Dataset:
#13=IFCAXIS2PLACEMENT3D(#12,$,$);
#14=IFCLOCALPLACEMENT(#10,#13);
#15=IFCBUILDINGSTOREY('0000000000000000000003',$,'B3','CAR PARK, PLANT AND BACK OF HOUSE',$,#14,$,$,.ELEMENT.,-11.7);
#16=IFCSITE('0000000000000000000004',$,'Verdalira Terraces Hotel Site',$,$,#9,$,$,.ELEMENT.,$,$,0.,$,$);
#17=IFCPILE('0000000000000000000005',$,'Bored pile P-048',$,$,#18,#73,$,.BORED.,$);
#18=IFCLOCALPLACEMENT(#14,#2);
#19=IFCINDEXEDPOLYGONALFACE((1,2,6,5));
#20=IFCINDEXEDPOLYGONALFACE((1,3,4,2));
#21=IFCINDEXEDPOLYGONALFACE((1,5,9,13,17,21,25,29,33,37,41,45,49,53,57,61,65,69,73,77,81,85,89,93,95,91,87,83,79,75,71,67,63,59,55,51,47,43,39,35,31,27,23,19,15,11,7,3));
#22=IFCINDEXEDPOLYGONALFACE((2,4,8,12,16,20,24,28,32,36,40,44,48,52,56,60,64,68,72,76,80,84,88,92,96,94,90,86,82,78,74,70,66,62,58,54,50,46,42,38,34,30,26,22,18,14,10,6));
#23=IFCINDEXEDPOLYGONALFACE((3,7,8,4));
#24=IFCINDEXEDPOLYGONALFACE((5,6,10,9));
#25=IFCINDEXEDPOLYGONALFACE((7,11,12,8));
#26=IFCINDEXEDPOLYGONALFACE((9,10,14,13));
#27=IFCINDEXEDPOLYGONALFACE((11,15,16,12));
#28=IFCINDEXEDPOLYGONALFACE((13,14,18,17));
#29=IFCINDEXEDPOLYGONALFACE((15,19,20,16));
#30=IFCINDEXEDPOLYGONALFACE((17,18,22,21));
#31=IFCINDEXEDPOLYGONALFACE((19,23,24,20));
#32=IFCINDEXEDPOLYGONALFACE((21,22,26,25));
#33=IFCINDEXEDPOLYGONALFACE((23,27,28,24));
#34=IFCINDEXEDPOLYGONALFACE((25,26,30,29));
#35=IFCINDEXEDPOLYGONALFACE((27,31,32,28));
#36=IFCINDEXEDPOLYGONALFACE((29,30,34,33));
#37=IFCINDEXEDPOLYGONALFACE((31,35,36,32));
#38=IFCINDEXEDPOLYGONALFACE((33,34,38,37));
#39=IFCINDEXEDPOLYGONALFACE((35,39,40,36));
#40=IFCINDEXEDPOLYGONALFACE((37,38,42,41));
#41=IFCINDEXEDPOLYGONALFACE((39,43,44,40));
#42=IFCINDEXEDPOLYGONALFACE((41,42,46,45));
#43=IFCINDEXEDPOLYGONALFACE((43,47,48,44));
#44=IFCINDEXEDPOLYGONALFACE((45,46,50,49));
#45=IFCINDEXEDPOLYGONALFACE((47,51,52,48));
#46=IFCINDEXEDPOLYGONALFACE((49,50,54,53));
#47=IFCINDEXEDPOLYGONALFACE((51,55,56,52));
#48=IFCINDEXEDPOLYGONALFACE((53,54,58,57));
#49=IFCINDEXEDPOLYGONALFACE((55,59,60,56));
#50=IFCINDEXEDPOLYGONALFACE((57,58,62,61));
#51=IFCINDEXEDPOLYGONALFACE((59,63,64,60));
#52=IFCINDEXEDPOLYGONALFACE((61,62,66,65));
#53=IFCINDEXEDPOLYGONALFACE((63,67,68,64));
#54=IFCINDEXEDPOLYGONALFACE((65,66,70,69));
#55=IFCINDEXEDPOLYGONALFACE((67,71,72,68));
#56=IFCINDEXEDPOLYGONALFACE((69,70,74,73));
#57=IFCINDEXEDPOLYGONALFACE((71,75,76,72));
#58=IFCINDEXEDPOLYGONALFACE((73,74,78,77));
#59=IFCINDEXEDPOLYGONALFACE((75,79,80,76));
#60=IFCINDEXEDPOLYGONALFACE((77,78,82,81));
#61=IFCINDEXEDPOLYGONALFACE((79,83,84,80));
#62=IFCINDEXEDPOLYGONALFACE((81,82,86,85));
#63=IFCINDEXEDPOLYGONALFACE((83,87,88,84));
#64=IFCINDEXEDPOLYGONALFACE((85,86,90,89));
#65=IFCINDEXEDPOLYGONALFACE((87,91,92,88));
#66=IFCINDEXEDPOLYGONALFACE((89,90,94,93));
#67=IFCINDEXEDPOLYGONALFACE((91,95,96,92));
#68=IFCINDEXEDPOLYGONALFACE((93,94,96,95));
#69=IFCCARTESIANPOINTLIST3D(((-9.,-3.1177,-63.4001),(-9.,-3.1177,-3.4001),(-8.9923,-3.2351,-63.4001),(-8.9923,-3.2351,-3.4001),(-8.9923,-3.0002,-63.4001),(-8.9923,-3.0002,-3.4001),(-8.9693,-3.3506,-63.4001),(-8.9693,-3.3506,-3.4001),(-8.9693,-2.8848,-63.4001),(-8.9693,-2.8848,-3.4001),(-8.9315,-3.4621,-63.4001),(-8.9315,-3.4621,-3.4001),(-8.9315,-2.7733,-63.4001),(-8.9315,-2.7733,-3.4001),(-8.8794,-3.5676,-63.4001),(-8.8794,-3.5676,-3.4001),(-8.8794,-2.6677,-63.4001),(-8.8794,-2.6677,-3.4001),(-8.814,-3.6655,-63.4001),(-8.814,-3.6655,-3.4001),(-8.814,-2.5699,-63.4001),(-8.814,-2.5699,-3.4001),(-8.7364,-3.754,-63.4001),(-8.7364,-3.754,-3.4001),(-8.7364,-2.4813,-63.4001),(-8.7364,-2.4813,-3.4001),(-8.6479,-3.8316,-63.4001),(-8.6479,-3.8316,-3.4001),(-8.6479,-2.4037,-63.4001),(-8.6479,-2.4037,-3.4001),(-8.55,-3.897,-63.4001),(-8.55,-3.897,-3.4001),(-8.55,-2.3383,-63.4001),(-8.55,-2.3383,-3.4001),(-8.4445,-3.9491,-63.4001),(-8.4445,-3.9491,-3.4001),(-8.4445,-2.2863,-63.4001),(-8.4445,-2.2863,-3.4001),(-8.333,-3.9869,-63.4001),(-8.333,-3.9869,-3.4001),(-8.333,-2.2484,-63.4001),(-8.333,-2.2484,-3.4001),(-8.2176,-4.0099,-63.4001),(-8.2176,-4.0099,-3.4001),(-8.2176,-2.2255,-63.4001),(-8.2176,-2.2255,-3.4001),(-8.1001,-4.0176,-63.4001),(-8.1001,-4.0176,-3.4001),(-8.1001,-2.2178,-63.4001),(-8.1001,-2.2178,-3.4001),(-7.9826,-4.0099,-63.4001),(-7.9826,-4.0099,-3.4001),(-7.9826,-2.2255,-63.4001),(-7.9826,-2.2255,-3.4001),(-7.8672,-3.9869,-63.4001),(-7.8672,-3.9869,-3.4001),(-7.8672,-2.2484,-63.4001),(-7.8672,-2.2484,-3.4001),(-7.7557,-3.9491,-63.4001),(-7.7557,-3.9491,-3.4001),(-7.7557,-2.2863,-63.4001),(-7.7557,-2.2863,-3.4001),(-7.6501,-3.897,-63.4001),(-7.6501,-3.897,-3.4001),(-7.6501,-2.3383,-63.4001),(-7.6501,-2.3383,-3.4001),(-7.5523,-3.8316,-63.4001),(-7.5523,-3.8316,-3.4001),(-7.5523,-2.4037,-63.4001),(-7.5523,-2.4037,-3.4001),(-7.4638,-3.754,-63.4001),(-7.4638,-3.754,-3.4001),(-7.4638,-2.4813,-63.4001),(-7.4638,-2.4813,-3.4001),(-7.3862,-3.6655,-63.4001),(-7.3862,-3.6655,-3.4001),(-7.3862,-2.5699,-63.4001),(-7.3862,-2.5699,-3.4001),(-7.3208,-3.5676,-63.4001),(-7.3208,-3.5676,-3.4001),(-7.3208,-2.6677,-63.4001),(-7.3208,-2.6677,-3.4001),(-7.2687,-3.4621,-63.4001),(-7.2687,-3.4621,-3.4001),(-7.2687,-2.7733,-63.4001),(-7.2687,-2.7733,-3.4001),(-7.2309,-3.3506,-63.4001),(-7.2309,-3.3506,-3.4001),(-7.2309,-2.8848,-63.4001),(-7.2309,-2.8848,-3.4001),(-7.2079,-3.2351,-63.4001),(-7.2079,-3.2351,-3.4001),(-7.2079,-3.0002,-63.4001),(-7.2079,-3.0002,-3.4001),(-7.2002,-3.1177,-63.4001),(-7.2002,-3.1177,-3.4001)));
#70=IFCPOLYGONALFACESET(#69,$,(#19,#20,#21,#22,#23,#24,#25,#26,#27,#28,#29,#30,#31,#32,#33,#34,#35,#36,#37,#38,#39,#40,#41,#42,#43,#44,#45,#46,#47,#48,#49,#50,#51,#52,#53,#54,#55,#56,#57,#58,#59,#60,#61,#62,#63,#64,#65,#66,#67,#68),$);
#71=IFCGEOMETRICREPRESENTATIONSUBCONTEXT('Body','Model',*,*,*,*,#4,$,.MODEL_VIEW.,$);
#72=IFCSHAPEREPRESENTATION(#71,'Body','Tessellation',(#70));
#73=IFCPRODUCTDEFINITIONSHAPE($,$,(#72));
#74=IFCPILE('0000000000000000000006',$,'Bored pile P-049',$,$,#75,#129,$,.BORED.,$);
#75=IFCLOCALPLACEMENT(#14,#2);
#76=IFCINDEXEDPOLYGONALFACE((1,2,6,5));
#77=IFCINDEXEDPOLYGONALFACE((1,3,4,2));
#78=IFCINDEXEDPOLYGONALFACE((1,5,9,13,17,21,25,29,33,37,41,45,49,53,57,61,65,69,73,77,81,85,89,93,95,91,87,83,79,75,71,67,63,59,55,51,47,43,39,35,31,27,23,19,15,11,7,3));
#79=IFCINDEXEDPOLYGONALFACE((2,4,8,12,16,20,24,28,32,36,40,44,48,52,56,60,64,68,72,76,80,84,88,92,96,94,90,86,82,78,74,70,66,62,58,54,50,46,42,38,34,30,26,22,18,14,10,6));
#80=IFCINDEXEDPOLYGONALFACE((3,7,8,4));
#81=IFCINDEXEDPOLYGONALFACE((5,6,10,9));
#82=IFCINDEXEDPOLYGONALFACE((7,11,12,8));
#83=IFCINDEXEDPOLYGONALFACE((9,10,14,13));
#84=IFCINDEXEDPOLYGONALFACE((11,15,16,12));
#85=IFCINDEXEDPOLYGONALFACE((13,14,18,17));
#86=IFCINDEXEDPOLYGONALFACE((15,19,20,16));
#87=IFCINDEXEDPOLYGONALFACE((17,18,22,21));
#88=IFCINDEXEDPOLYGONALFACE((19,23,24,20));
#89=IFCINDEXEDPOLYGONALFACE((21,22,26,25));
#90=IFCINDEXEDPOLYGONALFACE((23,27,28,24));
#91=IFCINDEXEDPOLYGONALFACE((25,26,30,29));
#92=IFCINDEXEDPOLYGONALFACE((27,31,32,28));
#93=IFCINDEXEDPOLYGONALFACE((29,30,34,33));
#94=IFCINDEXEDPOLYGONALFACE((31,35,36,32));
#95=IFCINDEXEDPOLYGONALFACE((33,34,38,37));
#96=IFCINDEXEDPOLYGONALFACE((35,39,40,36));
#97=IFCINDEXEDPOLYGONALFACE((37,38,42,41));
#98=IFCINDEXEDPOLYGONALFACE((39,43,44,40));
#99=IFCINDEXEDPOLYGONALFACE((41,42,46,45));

Action item:
Output the line bearing "#93=IFCINDEXEDPOLYGONALFACE((29,30,34,33));" along with all the lines after it through the end of the entries, exactly, and no other lines.

Response to the exercise:
#93=IFCINDEXEDPOLYGONALFACE((29,30,34,33));
#94=IFCINDEXEDPOLYGONALFACE((31,35,36,32));
#95=IFCINDEXEDPOLYGONALFACE((33,34,38,37));
#96=IFCINDEXEDPOLYGONALFACE((35,39,40,36));
#97=IFCINDEXEDPOLYGONALFACE((37,38,42,41));
#98=IFCINDEXEDPOLYGONALFACE((39,43,44,40));
#99=IFCINDEXEDPOLYGONALFACE((41,42,46,45));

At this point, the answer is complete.